How do the records below read from their first line through the line containing "#136=IFCINDEXEDPOLYGONALFACE((11,12,16,15));"? Write those lines out exactly.

Start of EXTRACTED RECORDS

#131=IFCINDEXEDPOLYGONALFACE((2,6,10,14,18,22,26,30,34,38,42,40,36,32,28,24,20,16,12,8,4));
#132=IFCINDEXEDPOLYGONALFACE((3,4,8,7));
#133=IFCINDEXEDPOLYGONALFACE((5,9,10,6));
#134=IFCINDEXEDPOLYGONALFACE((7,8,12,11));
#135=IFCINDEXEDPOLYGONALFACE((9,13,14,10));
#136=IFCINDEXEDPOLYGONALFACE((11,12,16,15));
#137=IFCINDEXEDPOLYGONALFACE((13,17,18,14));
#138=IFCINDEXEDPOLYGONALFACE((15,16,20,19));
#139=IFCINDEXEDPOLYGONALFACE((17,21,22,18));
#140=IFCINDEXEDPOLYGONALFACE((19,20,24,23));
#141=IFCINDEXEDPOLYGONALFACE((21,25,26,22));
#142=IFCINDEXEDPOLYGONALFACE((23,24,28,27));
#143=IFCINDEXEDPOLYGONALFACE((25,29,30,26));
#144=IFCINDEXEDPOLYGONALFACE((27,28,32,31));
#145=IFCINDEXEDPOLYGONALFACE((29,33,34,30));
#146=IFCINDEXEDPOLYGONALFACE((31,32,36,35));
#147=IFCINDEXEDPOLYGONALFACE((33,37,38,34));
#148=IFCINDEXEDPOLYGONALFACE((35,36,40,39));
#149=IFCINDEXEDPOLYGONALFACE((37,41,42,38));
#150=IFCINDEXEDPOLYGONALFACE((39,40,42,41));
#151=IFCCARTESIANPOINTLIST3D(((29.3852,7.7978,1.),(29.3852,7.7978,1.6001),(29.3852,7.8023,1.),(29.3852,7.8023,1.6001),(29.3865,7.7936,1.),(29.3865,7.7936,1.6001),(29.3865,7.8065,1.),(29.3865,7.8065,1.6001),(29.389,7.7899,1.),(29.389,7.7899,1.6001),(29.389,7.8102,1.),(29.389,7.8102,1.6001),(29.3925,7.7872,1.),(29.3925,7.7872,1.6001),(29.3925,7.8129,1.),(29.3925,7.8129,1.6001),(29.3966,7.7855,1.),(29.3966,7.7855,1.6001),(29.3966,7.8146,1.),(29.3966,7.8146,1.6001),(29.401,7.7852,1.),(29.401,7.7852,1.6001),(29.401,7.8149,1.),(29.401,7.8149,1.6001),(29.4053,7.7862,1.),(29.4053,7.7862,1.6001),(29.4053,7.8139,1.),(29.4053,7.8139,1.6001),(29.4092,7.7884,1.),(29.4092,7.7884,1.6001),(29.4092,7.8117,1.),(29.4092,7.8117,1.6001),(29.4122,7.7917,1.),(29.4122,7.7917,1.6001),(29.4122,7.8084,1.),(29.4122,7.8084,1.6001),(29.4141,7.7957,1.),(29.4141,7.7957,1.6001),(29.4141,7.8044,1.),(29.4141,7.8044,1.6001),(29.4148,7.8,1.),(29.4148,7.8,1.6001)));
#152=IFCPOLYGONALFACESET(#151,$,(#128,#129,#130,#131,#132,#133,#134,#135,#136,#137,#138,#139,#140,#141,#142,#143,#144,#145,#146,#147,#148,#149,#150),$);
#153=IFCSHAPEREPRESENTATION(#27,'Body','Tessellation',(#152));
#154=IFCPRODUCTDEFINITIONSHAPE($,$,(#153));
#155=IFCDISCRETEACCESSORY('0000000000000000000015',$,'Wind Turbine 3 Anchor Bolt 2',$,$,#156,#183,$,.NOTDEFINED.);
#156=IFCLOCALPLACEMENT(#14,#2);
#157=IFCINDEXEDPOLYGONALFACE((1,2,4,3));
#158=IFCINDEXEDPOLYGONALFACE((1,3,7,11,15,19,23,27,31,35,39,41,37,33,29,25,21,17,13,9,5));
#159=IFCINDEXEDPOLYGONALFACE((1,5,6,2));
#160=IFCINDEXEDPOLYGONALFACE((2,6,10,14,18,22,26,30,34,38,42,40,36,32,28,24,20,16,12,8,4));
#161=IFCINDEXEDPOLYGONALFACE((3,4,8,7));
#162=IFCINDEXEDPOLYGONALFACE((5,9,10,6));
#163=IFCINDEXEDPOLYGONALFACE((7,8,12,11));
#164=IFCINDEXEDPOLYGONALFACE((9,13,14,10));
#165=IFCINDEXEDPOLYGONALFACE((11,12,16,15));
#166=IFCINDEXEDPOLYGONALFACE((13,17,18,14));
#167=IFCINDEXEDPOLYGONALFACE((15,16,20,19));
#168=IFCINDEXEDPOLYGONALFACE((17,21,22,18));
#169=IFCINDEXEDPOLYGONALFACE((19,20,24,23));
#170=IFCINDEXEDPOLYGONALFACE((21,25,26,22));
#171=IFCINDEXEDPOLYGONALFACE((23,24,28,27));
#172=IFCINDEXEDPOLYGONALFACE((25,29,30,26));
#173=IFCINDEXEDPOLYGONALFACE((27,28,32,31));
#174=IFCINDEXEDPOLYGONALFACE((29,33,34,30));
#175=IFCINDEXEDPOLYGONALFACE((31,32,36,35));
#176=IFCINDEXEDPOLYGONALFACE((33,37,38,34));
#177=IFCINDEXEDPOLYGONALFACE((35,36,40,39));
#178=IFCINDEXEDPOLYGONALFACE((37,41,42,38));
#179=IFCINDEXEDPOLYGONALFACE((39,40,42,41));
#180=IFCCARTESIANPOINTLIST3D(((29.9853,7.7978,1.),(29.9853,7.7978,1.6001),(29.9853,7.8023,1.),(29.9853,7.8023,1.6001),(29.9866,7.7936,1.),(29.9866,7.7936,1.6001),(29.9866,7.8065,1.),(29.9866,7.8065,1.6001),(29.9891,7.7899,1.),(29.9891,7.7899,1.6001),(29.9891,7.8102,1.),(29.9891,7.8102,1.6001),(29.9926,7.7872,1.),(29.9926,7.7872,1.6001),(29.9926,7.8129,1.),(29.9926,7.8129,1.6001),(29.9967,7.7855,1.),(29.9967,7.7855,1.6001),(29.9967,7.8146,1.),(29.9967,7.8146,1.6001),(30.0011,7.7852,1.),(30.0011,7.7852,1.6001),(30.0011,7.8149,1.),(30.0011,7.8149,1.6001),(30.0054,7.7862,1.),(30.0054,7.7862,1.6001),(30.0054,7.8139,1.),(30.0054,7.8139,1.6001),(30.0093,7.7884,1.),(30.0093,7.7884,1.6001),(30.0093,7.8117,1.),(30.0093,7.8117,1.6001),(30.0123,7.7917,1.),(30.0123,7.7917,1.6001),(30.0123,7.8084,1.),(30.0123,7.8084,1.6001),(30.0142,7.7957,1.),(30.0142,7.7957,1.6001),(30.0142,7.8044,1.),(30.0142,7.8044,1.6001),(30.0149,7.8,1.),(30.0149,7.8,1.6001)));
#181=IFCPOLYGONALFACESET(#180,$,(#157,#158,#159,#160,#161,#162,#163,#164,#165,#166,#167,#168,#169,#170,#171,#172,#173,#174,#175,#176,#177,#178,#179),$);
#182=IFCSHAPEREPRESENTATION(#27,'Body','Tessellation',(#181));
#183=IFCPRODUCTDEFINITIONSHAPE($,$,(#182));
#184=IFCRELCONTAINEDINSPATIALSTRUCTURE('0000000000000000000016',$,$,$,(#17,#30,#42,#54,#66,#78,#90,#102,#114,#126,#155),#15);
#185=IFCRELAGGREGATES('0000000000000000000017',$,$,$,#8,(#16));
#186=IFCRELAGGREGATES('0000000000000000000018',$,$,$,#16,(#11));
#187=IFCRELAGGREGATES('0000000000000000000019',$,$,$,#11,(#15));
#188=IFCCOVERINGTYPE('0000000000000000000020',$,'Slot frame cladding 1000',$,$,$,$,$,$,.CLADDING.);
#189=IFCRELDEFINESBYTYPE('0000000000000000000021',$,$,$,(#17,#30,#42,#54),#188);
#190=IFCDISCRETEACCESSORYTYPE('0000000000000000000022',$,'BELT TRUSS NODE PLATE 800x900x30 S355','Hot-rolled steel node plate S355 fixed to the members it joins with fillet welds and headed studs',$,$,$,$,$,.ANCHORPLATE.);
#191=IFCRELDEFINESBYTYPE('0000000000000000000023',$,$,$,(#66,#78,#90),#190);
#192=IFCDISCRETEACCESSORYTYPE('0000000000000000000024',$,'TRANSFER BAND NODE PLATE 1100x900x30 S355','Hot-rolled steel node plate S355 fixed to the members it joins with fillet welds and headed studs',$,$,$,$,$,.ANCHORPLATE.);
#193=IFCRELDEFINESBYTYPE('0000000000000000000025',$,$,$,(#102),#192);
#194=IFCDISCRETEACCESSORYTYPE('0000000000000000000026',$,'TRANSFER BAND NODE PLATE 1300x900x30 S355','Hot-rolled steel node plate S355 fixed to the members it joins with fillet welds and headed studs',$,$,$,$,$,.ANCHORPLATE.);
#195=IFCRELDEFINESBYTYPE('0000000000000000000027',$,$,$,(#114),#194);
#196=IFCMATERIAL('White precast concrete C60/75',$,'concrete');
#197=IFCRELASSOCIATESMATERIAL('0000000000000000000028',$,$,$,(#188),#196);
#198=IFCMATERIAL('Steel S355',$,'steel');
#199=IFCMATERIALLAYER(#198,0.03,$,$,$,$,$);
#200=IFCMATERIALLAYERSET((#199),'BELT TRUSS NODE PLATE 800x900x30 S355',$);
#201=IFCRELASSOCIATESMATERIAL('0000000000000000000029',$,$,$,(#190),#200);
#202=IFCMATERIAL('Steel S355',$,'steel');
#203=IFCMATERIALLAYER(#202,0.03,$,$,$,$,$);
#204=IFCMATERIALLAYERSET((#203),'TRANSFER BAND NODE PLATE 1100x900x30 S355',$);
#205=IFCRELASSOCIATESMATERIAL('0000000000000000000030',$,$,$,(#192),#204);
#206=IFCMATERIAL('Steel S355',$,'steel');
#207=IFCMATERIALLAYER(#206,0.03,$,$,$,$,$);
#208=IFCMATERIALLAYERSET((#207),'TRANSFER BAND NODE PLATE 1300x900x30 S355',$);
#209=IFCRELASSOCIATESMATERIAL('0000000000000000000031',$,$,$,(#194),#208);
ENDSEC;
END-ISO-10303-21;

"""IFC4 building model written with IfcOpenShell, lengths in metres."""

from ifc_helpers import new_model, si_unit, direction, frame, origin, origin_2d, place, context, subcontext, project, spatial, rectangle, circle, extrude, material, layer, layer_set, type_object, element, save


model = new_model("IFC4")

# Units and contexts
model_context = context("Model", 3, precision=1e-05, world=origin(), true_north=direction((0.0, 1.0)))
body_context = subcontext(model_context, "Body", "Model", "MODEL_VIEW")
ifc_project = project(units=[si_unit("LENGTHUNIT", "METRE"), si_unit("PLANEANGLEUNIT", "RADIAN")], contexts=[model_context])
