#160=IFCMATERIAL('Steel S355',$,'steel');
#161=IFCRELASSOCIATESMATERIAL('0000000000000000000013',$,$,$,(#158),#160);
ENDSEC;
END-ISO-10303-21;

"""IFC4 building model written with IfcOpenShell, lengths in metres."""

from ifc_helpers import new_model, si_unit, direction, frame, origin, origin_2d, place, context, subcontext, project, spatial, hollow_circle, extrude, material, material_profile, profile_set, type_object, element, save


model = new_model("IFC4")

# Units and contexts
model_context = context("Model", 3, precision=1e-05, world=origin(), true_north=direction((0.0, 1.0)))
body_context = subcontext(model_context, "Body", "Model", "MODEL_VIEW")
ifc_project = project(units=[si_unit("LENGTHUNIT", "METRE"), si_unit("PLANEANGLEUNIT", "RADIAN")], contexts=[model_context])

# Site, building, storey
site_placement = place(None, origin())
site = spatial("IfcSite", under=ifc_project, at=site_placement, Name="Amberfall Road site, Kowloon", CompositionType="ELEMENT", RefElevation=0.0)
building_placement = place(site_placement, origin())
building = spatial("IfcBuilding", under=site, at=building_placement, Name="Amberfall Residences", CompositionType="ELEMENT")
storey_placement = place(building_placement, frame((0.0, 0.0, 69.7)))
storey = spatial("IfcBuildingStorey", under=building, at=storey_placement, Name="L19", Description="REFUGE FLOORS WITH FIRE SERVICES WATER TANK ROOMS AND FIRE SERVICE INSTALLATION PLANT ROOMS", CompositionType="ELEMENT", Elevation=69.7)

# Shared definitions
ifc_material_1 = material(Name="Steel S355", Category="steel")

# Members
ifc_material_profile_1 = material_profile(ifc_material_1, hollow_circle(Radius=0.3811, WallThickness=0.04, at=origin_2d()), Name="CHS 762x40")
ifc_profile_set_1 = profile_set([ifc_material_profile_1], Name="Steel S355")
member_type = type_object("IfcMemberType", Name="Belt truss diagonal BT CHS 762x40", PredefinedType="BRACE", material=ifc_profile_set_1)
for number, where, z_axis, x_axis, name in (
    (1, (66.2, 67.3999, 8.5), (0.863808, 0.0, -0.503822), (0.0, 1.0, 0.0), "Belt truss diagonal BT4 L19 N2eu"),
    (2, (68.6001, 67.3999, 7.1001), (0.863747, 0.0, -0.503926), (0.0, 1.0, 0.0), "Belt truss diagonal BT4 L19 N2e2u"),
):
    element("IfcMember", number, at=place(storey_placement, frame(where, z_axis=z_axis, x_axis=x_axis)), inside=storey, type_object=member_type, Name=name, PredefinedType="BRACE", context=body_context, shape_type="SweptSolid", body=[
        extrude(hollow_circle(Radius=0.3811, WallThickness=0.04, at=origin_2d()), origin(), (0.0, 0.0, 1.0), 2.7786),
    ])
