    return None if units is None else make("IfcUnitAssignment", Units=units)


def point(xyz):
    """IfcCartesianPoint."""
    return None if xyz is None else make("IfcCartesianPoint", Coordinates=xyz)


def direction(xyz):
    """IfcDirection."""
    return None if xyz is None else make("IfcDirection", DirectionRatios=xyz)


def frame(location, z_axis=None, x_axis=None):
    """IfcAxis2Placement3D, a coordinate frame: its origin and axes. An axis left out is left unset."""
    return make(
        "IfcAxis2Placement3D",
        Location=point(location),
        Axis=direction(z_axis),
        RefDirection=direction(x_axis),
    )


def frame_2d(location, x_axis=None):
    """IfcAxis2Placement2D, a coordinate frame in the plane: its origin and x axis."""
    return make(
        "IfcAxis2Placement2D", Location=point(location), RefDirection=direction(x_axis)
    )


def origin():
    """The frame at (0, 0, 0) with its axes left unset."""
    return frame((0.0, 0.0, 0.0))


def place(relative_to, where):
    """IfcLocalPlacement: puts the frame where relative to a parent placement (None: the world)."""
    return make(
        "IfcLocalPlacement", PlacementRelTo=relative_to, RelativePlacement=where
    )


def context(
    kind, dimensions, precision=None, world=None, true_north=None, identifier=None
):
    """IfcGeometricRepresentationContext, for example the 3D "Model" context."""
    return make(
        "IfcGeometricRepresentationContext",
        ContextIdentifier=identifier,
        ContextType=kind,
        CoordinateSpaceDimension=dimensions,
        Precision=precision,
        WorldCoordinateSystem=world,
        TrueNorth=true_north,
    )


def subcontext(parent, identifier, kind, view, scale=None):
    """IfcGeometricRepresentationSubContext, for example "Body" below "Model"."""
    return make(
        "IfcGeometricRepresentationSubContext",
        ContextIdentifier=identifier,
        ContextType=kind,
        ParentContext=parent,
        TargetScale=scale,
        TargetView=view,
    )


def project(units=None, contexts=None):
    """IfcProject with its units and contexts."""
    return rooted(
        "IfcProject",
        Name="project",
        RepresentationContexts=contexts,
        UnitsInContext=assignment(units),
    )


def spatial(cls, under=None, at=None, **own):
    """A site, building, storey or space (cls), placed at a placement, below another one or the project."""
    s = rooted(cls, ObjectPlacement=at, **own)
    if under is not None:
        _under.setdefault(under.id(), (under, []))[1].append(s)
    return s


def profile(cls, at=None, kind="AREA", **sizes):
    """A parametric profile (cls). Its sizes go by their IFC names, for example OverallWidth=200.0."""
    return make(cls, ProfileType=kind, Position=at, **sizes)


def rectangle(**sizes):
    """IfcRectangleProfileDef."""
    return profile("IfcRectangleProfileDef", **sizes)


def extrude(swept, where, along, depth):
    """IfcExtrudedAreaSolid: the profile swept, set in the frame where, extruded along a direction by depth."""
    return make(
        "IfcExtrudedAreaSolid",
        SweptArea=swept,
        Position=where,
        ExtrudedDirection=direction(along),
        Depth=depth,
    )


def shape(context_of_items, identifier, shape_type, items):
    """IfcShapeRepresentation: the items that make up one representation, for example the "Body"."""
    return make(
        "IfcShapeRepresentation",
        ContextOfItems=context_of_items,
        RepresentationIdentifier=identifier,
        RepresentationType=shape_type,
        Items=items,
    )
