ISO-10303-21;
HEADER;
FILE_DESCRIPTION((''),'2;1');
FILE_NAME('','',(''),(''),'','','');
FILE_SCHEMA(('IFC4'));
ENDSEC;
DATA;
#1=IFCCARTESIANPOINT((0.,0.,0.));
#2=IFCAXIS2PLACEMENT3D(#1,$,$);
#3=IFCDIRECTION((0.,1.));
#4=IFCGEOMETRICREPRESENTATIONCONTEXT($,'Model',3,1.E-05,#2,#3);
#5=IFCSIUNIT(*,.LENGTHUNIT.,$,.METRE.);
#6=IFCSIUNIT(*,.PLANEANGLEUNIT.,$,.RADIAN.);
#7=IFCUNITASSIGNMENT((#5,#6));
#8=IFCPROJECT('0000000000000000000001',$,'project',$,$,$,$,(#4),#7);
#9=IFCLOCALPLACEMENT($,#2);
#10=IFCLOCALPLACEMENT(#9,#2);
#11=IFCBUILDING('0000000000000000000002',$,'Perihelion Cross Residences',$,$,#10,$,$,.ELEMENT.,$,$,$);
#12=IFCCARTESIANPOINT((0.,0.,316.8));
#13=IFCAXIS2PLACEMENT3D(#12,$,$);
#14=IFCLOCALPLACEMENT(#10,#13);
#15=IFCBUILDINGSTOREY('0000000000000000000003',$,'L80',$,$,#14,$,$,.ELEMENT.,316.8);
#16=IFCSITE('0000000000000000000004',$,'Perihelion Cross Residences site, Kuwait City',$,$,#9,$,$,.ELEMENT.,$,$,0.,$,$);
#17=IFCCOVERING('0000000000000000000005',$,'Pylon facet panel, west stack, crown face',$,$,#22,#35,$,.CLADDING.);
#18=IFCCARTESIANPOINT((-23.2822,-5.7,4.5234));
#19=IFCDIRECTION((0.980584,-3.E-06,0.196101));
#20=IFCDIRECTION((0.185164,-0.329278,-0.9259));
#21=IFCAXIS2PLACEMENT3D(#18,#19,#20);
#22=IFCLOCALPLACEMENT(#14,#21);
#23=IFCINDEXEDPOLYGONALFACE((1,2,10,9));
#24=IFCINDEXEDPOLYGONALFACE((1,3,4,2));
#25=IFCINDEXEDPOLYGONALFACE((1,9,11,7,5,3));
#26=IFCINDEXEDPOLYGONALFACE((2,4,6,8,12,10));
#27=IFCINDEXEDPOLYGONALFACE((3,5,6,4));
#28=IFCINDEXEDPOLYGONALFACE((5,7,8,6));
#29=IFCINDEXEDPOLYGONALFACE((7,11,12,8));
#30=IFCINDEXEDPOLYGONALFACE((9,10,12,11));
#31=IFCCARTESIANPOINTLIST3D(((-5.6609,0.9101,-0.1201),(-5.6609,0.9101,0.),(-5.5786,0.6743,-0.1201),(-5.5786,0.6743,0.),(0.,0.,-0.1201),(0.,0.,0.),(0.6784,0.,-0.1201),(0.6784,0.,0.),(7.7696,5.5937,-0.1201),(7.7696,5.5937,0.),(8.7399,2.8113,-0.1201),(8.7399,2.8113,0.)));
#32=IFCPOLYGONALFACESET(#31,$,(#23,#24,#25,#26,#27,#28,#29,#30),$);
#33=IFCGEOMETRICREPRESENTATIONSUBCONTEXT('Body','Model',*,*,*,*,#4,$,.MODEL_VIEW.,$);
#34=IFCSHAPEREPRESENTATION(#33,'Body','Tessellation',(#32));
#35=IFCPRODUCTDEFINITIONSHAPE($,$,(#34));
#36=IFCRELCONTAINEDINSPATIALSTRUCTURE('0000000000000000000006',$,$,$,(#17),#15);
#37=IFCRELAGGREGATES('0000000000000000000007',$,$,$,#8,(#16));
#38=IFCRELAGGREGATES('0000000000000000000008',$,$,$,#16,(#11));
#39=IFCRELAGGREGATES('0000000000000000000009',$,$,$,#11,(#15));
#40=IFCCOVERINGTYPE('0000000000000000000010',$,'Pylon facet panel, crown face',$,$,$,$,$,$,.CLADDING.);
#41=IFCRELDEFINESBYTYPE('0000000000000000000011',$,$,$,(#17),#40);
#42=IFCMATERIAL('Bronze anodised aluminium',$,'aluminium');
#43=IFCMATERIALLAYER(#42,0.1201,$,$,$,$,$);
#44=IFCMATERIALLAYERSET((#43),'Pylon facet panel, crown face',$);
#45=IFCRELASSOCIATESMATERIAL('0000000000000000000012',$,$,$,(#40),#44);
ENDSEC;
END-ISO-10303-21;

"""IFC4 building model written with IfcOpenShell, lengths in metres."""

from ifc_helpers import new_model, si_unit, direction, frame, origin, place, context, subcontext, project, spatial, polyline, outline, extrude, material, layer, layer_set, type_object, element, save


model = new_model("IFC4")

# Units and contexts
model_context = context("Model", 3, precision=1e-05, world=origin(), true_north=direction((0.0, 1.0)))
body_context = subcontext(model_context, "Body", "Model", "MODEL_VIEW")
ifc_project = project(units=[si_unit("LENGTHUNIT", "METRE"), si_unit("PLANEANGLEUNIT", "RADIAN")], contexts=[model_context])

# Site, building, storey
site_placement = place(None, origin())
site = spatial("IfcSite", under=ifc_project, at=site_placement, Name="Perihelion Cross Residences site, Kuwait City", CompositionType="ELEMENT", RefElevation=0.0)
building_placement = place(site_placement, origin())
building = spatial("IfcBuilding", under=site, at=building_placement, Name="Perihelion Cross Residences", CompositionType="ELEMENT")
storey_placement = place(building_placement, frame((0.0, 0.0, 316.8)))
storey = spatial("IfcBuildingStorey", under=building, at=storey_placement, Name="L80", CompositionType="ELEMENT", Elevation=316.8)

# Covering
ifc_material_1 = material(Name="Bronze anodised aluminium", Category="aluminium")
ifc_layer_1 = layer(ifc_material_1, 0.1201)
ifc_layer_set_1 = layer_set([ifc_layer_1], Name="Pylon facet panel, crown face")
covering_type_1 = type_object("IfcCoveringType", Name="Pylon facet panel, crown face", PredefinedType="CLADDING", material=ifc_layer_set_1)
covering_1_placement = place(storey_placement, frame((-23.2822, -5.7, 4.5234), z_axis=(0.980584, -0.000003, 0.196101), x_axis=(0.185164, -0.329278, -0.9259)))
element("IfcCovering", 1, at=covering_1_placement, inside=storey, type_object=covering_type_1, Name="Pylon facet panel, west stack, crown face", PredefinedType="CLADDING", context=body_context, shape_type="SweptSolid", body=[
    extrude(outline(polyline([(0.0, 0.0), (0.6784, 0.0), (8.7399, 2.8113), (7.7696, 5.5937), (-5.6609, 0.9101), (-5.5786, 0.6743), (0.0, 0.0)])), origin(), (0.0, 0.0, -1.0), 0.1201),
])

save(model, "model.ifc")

End of EXTRACTED RECORDS

● RESULT OF THE EXERCISE:
#131=IFCINDEXEDPOLYGONALFACE((2,6,10,14,18,22,26,30,34,38,42,40,36,32,28,24,20,16,12,8,4));
#132=IFCINDEXEDPOLYGONALFACE((3,4,8,7));
#133=IFCINDEXEDPOLYGONALFACE((5,9,10,6));
#134=IFCINDEXEDPOLYGONALFACE((7,8,12,11));
#135=IFCINDEXEDPOLYGONALFACE((9,13,14,10));
#136=IFCINDEXEDPOLYGONALFACE((11,12,16,15));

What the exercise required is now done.